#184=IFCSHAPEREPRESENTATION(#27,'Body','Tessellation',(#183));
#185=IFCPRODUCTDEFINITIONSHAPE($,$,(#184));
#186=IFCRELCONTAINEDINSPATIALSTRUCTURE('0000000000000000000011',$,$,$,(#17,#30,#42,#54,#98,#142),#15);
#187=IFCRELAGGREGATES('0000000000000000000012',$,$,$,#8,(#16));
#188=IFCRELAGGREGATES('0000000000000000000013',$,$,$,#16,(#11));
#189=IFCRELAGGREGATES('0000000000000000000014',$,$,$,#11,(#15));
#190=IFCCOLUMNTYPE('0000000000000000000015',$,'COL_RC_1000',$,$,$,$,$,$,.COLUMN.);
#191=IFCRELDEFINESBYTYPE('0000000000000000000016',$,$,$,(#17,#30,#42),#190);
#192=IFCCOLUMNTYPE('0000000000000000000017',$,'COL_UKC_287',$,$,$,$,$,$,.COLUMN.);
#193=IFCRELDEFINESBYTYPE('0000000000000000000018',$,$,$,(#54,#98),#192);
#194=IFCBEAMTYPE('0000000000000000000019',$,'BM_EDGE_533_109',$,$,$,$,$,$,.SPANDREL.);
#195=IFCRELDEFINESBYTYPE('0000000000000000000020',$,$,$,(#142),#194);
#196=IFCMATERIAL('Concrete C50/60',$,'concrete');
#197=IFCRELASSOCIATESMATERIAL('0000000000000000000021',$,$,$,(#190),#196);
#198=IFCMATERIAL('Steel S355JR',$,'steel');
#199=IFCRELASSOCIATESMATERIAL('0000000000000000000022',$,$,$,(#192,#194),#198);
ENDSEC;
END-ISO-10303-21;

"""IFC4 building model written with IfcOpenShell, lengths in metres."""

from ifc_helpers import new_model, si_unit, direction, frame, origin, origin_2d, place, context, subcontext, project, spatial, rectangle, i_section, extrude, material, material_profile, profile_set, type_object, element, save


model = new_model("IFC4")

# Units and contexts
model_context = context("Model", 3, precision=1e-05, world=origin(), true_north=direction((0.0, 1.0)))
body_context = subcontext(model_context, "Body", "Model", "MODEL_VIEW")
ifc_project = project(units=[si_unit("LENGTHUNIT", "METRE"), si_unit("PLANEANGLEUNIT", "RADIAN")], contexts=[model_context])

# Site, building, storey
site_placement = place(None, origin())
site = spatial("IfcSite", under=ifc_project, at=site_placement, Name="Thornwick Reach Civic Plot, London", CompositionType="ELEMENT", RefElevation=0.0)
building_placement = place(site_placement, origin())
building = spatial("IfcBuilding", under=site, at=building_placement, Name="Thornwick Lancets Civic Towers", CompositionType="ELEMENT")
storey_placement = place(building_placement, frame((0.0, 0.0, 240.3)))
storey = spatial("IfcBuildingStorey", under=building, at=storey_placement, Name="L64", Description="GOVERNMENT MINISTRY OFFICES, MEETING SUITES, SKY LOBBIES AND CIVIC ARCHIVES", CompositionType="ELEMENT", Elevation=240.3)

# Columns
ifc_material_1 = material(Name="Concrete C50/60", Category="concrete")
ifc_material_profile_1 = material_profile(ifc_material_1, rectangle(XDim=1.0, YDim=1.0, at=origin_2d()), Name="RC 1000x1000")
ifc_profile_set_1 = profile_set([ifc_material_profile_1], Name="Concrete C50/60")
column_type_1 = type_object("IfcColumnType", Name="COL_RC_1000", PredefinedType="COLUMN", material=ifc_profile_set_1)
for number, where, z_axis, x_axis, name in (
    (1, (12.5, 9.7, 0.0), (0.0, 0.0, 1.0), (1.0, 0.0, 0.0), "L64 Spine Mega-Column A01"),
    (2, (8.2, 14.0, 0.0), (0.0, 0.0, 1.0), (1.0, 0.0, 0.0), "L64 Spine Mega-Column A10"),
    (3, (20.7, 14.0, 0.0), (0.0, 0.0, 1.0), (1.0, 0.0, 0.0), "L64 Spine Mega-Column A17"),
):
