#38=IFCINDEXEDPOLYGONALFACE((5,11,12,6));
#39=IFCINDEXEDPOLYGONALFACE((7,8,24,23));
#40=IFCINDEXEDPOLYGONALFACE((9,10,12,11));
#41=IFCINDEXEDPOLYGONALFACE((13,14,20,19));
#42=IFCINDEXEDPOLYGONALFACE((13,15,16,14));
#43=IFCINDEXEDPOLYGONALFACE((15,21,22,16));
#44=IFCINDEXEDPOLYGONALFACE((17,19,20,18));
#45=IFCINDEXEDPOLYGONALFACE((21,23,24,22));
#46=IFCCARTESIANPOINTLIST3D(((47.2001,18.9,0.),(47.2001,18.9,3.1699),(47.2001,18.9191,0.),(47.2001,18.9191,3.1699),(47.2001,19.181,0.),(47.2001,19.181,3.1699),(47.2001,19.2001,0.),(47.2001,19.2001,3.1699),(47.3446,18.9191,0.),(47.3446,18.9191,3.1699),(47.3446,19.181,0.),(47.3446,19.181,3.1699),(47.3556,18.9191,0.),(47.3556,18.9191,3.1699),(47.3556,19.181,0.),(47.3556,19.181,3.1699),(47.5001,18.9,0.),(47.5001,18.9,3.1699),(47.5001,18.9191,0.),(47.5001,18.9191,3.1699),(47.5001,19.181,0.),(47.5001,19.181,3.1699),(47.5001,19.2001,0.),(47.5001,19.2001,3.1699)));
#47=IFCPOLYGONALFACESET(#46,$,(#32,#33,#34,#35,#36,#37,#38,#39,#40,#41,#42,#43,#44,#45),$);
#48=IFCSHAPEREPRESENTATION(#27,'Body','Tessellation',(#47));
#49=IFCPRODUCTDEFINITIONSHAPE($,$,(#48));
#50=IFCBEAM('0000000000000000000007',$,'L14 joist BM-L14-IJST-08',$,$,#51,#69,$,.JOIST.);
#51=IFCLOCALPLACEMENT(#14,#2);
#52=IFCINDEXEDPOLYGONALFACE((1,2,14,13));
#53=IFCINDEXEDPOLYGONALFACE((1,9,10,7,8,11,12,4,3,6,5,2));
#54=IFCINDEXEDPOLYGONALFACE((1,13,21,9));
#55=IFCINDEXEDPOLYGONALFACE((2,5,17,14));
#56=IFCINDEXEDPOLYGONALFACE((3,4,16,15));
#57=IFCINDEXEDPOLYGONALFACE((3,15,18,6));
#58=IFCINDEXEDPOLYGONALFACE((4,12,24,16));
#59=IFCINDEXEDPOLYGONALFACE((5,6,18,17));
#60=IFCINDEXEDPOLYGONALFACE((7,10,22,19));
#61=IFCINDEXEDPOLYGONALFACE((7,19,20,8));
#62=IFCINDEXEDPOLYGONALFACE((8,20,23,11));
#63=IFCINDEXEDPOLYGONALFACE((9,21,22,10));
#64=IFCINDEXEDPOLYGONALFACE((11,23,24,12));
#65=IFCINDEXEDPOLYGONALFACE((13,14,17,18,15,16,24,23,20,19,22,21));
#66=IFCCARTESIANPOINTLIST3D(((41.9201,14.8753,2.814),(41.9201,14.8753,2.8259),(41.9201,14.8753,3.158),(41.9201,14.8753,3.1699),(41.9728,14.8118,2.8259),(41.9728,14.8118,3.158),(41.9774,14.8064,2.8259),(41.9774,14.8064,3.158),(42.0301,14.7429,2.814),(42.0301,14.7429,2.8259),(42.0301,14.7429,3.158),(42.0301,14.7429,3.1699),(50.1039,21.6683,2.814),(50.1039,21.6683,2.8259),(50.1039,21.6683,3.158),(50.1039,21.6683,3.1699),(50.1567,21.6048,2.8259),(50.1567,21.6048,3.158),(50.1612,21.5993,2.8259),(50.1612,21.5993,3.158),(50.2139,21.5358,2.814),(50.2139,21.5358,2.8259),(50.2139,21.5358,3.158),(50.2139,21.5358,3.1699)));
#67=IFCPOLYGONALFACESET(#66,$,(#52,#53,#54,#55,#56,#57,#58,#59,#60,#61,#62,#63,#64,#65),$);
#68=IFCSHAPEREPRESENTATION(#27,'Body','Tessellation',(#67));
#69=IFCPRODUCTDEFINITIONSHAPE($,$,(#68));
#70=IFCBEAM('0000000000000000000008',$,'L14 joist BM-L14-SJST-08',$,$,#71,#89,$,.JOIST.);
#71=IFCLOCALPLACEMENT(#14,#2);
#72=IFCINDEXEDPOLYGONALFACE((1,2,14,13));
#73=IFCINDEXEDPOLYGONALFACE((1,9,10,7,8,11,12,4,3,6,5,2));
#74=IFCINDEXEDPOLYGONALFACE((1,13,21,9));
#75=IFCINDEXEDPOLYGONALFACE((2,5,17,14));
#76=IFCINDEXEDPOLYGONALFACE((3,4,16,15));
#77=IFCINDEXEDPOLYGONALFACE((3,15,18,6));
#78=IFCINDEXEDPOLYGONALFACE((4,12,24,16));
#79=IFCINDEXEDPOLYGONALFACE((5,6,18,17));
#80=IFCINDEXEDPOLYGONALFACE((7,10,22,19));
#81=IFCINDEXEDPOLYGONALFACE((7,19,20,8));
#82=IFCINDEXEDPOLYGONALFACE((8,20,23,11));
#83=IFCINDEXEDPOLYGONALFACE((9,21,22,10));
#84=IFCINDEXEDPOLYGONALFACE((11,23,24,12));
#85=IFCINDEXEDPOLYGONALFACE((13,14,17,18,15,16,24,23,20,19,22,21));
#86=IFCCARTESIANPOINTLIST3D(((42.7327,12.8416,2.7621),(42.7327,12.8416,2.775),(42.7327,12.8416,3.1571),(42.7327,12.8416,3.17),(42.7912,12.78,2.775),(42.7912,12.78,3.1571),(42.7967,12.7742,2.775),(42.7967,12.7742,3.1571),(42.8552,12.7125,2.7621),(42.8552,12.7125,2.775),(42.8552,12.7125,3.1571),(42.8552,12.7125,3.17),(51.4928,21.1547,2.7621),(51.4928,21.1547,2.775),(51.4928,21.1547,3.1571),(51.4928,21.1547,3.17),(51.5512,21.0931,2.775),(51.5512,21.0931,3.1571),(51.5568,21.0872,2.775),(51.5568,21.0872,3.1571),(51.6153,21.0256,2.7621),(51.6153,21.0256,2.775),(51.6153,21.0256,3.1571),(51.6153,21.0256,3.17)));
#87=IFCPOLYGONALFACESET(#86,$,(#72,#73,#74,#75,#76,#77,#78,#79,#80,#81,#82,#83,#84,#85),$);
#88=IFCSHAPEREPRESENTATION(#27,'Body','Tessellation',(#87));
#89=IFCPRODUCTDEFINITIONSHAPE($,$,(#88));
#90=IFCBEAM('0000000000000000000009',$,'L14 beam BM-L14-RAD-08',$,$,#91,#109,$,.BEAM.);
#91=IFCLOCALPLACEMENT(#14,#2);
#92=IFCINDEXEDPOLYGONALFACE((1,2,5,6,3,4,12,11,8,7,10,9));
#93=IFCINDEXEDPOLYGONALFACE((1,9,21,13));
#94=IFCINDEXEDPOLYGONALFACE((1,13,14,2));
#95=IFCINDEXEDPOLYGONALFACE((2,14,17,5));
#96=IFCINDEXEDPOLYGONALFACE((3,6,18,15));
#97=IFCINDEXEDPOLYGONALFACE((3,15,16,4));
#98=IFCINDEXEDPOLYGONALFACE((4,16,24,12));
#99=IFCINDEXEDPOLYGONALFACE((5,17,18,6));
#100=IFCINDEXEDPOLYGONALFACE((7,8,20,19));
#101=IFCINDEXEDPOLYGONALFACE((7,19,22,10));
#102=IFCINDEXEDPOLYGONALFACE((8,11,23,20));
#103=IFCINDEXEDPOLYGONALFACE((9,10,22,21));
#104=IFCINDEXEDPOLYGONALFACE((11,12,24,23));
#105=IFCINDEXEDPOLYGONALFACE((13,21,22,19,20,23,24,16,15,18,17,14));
===
PROBLEM REQUIREMENTS. The required answer is the exact run of lines above starting at the line with "# Site, building, storey" and ending at the line with "building_placement = place(site_placement, origin())", with both ends present.

EXERCISE OUTPUT.
# Site, building, storey
site_placement = place(None, origin())
site = spatial("IfcSite", under=ifc_project, at=site_placement, Name="Thornwick Reach Civic Plot, London", CompositionType="ELEMENT", RefElevation=0.0)
building_placement = place(site_placement, origin())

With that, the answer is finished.